The entries below contain a stretch that opens with the line containing "#147=IFCINDEXEDPOLYGONALFACE((2,6,8,4));" and closes with the line containing "#149=IFCINDEXEDPOLYGONALFACE((5,7,8,6));"; set down that stretch exactly, both ends included, and nothing else.

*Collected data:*
********

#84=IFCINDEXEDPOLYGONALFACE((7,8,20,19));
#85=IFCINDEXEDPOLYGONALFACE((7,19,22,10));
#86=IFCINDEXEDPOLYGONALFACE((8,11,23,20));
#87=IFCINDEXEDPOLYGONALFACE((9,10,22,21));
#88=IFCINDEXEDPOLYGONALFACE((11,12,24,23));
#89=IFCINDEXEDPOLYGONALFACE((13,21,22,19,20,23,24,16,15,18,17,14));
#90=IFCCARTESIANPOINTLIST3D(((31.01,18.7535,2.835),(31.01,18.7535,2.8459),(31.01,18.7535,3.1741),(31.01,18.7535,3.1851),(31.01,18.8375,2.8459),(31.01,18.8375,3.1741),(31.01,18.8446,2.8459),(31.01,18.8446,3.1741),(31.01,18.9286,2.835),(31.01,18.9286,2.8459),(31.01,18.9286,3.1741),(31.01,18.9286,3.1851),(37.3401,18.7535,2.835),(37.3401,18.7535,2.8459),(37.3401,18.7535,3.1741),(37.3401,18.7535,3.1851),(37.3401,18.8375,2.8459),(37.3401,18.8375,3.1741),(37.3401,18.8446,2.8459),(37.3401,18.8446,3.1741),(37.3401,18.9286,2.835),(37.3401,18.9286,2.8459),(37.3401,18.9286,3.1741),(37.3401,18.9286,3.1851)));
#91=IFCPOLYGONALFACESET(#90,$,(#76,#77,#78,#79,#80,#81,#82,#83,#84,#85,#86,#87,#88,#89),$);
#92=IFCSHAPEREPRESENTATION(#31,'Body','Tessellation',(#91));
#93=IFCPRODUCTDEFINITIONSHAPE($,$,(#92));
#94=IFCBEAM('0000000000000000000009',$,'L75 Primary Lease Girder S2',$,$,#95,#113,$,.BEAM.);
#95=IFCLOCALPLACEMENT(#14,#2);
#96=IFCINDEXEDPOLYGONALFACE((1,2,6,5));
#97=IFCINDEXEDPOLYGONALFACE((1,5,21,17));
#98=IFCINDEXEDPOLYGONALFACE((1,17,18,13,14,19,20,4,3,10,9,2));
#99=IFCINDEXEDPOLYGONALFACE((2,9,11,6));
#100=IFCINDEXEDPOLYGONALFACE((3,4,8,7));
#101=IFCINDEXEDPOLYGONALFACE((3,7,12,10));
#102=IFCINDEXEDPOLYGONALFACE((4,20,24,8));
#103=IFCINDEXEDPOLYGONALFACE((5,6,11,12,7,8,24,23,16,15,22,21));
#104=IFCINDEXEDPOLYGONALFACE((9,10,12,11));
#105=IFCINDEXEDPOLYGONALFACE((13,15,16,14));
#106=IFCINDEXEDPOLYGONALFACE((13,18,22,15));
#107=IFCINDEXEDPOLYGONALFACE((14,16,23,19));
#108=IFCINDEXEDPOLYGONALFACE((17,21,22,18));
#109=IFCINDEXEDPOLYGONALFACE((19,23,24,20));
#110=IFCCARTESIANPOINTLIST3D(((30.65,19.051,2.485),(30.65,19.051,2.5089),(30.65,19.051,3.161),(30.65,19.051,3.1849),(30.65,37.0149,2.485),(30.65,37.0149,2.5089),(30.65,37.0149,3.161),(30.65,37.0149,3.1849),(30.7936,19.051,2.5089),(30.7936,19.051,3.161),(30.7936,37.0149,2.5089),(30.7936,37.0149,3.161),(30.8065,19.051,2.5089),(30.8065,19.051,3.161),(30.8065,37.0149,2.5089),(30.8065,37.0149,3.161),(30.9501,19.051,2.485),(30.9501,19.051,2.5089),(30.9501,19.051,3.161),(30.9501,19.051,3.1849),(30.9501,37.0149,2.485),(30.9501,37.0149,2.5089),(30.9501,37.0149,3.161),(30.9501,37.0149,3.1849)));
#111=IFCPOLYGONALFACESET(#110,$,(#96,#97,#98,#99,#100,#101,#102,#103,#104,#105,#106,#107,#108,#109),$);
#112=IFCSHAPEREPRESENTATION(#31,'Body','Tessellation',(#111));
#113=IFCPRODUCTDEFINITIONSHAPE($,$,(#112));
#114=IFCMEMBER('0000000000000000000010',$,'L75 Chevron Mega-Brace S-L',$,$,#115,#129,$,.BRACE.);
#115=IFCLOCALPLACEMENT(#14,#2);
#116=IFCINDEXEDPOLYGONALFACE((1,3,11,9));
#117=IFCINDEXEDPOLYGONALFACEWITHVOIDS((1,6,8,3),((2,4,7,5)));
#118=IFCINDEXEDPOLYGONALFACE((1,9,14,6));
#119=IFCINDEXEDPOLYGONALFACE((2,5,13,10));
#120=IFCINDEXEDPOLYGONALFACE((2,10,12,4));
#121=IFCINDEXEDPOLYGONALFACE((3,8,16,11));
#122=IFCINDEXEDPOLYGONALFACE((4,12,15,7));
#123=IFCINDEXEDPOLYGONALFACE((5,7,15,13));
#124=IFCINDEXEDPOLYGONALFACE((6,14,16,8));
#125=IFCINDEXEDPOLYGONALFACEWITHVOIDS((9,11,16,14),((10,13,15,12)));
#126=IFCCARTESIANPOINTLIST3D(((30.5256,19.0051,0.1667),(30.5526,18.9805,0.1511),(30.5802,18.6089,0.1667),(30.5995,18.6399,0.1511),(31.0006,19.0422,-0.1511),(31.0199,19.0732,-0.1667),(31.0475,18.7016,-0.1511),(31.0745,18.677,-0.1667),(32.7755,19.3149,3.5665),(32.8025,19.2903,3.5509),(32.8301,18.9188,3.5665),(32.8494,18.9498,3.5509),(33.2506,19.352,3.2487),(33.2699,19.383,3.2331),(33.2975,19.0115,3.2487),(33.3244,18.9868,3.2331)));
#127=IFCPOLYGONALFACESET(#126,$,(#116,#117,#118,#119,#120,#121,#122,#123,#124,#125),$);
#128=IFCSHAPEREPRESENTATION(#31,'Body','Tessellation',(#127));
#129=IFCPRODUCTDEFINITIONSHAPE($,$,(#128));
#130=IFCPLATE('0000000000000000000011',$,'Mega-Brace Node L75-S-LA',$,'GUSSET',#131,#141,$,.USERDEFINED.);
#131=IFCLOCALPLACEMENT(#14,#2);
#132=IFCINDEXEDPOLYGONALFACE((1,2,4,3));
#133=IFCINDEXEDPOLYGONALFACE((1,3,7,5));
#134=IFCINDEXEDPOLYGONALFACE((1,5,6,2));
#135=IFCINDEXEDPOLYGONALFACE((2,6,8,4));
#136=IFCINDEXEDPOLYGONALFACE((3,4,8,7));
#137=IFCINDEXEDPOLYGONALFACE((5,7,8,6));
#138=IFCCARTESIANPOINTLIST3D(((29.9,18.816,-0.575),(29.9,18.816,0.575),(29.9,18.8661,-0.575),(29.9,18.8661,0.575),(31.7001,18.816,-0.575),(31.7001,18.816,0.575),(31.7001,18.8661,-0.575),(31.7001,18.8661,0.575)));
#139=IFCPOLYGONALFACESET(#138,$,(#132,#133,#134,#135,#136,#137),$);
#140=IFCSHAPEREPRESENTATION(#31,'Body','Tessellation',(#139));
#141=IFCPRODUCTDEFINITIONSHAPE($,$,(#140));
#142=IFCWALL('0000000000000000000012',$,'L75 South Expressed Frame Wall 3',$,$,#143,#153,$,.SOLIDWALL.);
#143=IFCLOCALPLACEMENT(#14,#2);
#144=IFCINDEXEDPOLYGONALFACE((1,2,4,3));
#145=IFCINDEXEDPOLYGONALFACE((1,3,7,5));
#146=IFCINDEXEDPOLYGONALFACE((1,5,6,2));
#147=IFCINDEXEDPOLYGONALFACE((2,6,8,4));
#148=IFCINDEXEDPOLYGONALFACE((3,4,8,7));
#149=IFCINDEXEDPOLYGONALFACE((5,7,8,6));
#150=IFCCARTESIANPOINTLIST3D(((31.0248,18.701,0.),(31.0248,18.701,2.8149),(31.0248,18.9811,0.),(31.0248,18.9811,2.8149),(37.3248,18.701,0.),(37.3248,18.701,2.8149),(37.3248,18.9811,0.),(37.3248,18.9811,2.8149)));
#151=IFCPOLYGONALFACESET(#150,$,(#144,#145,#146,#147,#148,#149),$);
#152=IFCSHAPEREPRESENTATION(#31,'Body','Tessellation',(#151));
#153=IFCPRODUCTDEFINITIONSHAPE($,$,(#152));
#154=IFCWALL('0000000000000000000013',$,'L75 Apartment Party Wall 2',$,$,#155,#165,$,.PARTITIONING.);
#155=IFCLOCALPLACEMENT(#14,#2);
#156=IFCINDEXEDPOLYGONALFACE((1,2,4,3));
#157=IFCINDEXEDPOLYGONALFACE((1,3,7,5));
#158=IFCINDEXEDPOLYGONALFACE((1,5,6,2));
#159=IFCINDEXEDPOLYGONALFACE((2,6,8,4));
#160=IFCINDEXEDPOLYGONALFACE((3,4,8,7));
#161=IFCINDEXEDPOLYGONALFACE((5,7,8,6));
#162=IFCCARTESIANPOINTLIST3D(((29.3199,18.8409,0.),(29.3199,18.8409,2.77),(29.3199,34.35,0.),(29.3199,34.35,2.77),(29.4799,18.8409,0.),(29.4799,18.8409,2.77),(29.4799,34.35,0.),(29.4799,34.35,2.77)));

********

*WRITTEN SOLUTION:*
#147=IFCINDEXEDPOLYGONALFACE((2,6,8,4));
#148=IFCINDEXEDPOLYGONALFACE((3,4,8,7));
#149=IFCINDEXEDPOLYGONALFACE((5,7,8,6));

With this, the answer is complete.